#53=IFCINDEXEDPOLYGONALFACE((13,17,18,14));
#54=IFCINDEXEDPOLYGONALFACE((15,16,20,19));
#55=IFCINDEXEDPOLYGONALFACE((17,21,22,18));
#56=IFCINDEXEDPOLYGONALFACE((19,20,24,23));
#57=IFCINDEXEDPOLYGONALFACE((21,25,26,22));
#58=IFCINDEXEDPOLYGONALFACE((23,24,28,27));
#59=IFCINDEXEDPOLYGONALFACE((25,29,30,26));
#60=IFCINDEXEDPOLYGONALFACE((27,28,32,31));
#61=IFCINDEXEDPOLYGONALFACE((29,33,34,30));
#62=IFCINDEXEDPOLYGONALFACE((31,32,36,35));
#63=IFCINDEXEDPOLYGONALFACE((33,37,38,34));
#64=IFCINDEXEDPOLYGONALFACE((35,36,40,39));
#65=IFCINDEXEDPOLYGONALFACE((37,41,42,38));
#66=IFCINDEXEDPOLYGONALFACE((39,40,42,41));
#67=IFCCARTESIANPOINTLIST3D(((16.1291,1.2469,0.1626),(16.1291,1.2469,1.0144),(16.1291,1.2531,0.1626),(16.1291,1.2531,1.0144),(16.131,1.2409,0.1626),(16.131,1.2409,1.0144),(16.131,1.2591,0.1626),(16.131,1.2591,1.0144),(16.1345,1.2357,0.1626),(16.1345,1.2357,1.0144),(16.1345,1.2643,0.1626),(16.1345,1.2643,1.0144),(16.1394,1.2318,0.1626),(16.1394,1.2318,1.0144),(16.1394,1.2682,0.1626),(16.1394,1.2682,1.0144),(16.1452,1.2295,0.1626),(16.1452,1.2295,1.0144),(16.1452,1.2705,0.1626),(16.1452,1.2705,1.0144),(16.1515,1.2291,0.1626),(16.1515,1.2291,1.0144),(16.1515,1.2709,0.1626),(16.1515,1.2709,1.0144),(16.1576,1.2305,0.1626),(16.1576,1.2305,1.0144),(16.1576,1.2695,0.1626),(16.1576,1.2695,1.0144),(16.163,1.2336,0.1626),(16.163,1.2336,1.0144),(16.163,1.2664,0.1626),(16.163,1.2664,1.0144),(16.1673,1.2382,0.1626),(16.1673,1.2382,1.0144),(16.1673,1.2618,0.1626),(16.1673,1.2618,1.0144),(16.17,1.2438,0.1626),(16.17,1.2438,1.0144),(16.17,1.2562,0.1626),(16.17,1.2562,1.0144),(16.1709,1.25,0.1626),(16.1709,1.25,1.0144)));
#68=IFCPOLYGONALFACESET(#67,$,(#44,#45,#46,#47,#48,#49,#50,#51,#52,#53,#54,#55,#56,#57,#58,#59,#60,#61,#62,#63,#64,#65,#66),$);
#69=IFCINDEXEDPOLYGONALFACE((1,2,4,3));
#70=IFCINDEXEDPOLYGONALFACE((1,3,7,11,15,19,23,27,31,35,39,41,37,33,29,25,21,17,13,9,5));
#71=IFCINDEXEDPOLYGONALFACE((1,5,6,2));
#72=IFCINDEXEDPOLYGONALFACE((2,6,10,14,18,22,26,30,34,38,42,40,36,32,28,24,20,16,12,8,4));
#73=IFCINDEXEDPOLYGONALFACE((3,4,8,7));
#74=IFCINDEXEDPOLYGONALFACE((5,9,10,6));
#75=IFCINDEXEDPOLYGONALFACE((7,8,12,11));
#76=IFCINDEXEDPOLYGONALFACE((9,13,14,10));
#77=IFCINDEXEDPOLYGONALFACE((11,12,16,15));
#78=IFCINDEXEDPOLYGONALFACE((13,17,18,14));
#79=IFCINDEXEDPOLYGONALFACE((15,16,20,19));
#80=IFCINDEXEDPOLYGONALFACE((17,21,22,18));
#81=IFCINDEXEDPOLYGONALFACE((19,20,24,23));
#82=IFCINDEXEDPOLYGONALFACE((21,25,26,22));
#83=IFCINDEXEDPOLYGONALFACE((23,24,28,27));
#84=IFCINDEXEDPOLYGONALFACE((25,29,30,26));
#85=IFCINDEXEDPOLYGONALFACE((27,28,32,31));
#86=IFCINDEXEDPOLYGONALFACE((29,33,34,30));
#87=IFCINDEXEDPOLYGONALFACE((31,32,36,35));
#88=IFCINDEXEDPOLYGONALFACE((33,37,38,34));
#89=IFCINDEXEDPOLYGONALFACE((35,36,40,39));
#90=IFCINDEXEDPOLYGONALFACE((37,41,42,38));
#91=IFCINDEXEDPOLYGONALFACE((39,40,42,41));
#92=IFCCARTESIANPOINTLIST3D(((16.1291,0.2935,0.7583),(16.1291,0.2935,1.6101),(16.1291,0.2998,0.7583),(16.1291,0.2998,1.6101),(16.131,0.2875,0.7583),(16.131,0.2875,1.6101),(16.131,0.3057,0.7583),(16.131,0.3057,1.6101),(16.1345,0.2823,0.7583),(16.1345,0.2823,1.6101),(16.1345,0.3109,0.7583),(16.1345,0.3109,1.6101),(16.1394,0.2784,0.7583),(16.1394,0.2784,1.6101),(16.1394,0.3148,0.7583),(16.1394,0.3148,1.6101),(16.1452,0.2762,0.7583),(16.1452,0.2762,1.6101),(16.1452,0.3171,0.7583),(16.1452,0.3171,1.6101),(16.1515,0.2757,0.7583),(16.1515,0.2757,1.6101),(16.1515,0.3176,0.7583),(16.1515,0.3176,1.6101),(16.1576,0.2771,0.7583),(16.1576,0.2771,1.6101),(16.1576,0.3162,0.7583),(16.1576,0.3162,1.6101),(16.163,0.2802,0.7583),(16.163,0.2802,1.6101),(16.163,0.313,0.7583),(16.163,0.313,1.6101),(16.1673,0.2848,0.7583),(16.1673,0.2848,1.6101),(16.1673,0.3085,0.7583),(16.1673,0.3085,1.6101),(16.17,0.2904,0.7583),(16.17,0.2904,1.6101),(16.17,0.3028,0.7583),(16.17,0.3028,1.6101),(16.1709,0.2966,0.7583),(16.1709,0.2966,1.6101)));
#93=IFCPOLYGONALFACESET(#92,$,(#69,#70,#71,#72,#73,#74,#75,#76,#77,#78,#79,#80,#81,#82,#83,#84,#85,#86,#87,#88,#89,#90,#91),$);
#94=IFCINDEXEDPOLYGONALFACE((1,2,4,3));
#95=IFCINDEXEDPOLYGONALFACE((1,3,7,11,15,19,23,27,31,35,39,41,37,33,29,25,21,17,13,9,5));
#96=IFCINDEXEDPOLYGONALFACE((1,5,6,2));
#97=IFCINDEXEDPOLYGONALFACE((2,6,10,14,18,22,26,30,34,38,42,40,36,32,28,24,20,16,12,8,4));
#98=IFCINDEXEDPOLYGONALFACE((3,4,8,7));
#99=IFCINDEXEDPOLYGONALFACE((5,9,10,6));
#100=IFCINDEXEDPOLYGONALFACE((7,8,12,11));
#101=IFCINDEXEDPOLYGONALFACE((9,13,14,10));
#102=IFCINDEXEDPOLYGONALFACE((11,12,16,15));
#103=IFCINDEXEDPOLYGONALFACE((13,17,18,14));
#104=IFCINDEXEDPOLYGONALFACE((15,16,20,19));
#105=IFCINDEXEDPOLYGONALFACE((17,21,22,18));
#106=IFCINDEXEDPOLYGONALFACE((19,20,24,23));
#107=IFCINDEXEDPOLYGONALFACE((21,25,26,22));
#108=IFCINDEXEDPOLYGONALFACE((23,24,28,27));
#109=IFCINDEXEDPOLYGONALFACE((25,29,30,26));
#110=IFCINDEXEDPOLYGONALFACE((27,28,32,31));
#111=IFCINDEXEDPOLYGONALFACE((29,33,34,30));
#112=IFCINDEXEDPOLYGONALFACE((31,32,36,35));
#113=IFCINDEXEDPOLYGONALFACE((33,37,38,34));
---
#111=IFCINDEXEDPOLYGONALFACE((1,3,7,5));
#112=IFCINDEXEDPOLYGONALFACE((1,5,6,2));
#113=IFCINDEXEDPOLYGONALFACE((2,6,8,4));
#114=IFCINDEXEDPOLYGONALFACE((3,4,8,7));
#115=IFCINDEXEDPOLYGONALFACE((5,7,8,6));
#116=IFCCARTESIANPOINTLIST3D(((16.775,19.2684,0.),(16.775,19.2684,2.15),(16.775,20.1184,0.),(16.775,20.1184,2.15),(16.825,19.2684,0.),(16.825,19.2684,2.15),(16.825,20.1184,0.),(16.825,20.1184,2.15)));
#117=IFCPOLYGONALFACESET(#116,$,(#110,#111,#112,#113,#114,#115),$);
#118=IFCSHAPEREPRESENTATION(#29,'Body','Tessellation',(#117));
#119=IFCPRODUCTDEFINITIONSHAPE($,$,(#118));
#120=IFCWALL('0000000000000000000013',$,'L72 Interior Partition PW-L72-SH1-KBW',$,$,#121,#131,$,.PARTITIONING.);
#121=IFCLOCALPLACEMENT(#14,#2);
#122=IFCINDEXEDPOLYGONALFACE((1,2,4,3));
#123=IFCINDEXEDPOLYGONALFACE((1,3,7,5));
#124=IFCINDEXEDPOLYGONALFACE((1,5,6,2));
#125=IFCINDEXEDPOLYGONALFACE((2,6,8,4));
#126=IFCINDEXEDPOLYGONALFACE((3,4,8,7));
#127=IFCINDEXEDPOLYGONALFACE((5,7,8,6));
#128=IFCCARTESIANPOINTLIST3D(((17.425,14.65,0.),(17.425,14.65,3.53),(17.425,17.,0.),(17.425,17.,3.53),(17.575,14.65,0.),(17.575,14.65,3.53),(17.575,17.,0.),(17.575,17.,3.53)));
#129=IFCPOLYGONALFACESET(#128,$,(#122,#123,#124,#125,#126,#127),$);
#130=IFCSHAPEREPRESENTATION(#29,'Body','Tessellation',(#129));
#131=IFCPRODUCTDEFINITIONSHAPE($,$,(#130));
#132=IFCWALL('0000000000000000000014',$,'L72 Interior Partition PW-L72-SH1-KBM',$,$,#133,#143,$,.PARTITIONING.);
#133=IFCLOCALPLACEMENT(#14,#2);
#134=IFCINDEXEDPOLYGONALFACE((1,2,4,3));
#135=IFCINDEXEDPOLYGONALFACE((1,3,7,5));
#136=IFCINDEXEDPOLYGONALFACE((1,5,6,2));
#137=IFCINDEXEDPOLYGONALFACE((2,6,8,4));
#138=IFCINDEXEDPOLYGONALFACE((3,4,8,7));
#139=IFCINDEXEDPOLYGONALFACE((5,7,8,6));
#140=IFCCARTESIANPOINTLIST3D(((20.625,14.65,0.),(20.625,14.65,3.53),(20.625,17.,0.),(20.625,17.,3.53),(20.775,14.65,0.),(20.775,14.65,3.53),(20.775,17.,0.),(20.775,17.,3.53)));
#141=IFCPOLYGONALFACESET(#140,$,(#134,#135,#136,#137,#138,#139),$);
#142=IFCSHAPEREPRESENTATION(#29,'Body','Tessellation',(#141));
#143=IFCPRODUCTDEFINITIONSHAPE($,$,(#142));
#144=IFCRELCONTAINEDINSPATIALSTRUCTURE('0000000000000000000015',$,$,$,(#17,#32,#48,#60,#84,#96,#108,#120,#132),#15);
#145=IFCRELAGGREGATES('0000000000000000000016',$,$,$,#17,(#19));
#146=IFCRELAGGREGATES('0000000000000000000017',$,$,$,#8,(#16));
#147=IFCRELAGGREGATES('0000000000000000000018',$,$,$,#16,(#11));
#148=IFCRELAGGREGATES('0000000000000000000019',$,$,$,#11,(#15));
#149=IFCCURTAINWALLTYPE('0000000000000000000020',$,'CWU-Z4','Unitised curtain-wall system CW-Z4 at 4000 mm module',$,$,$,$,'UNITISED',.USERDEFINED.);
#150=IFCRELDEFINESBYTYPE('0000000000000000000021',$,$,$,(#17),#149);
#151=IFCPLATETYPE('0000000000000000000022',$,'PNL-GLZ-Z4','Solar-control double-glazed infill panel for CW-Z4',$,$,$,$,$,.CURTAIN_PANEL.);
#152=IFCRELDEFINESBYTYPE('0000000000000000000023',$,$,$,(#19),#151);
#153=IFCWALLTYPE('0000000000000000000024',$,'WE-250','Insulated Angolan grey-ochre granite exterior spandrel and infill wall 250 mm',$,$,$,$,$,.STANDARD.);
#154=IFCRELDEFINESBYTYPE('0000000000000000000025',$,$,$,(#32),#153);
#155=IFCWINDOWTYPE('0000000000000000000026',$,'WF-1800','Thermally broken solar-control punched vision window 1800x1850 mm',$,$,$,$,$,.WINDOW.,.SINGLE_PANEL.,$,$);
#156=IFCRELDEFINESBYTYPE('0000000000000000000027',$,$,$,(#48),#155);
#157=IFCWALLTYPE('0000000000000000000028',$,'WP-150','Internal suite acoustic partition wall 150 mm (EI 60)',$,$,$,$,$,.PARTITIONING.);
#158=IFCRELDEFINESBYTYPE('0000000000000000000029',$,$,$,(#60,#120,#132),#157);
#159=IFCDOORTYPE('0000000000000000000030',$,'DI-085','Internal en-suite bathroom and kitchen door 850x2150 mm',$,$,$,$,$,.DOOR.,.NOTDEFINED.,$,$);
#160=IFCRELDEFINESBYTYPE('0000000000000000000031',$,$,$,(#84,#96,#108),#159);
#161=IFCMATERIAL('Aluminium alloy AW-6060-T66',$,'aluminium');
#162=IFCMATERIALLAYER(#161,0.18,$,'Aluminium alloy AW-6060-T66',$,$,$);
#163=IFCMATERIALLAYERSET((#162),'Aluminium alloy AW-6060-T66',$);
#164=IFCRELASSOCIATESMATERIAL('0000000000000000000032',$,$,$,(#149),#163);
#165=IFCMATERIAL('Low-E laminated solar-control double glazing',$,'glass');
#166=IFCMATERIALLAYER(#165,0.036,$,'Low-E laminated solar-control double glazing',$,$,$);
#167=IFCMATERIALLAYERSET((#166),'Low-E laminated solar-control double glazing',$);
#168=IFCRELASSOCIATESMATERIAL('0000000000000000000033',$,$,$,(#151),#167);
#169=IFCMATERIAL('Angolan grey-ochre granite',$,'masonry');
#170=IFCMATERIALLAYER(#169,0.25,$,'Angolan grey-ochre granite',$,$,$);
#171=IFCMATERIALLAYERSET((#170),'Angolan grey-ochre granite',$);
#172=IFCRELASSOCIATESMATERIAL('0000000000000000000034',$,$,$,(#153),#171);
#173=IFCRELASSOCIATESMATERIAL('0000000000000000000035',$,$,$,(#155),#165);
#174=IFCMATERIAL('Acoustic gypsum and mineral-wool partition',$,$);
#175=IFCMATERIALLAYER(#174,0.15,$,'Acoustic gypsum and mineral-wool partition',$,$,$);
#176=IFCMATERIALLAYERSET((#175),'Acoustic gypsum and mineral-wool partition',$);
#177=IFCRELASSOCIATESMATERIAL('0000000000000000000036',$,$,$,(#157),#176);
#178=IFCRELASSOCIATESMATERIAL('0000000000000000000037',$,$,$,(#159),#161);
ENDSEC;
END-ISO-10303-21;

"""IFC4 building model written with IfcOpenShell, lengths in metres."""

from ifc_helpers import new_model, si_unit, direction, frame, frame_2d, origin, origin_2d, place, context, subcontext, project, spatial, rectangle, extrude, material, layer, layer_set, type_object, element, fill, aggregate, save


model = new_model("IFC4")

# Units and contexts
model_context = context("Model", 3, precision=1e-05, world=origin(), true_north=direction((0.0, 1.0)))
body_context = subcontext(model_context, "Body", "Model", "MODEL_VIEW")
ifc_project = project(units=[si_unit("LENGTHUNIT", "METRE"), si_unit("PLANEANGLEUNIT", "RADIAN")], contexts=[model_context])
* * *
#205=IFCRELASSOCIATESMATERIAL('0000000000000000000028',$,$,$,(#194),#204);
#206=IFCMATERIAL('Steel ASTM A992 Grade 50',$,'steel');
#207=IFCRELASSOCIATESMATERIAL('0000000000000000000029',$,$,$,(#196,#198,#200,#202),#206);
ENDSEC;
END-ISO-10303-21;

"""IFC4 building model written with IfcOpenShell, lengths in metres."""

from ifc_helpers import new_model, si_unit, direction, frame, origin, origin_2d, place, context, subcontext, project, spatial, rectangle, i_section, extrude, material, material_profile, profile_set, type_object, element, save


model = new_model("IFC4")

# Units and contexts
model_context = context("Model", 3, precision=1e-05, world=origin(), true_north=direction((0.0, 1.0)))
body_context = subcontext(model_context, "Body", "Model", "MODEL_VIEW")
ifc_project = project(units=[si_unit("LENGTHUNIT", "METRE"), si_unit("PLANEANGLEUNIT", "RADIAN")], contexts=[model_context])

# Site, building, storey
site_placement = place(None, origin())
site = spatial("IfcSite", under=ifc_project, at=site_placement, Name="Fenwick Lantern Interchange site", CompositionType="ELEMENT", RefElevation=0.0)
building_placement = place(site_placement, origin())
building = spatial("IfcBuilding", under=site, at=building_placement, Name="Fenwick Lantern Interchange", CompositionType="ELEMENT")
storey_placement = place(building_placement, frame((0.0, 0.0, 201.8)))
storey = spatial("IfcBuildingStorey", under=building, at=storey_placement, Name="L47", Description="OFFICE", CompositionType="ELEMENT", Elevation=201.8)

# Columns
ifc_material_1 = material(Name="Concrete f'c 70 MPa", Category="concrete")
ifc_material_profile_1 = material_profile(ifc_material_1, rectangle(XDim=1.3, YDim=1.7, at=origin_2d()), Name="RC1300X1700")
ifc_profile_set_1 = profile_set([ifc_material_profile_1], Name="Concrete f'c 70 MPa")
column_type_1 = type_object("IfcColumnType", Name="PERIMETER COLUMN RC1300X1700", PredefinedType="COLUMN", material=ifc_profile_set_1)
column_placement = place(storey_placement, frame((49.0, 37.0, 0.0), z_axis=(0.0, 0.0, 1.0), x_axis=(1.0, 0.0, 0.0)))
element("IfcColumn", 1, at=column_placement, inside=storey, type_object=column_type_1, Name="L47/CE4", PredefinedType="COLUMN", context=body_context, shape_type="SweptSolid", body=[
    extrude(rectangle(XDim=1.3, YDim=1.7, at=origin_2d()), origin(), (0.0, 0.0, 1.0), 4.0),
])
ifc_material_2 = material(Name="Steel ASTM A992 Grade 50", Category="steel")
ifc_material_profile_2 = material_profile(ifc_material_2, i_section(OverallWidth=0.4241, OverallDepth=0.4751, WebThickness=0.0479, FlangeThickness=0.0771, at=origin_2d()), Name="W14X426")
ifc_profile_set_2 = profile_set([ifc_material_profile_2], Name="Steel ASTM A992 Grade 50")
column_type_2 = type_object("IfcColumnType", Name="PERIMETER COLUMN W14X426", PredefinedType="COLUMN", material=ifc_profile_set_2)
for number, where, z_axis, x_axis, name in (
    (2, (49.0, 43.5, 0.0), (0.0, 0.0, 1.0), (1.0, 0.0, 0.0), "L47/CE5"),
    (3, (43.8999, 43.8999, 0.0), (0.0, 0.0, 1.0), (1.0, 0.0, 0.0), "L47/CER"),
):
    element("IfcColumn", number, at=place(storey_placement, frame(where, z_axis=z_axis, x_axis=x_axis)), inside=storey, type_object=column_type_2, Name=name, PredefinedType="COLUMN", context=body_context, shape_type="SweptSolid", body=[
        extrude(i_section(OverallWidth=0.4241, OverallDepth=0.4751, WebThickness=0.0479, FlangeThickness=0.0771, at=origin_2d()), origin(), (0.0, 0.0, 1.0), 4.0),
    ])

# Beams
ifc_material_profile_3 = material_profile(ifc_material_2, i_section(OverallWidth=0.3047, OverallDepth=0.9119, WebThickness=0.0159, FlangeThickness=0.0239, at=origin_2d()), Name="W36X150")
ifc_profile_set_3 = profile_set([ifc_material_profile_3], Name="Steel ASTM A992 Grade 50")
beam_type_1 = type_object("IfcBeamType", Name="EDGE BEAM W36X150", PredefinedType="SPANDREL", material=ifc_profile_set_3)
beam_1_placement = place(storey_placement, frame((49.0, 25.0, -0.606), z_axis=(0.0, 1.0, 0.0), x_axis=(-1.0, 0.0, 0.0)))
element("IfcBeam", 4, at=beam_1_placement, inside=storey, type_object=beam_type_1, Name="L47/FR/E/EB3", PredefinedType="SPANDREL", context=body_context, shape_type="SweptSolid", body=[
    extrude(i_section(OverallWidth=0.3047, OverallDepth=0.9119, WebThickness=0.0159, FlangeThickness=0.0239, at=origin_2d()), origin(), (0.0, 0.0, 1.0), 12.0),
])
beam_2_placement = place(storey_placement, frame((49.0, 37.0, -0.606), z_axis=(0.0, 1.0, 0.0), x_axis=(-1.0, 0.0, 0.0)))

## What you need to do
The required answer is the exact run of lines above starting at the line with "#94=IFCINDEXEDPOLYGONALFACE((1,2,4,3));" and ending at the line with "#113=IFCINDEXEDPOLYGONALFACE((33,37,38,34));", with both ends present.

## Answer for the task
#94=IFCINDEXEDPOLYGONALFACE((1,2,4,3));
#95=IFCINDEXEDPOLYGONALFACE((1,3,7,11,15,19,23,27,31,35,39,41,37,33,29,25,21,17,13,9,5));
#96=IFCINDEXEDPOLYGONALFACE((1,5,6,2));
#97=IFCINDEXEDPOLYGONALFACE((2,6,10,14,18,22,26,30,34,38,42,40,36,32,28,24,20,16,12,8,4));
#98=IFCINDEXEDPOLYGONALFACE((3,4,8,7));
#99=IFCINDEXEDPOLYGONALFACE((5,9,10,6));
#100=IFCINDEXEDPOLYGONALFACE((7,8,12,11));
#101=IFCINDEXEDPOLYGONALFACE((9,13,14,10));
#102=IFCINDEXEDPOLYGONALFACE((11,12,16,15));
#103=IFCINDEXEDPOLYGONALFACE((13,17,18,14));
#104=IFCINDEXEDPOLYGONALFACE((15,16,20,19));
#105=IFCINDEXEDPOLYGONALFACE((17,21,22,18));
#106=IFCINDEXEDPOLYGONALFACE((19,20,24,23));
#107=IFCINDEXEDPOLYGONALFACE((21,25,26,22));
#108=IFCINDEXEDPOLYGONALFACE((23,24,28,27));
#109=IFCINDEXEDPOLYGONALFACE((25,29,30,26));
#110=IFCINDEXEDPOLYGONALFACE((27,28,32,31));
#111=IFCINDEXEDPOLYGONALFACE((29,33,34,30));
#112=IFCINDEXEDPOLYGONALFACE((31,32,36,35));
#113=IFCINDEXEDPOLYGONALFACE((33,37,38,34));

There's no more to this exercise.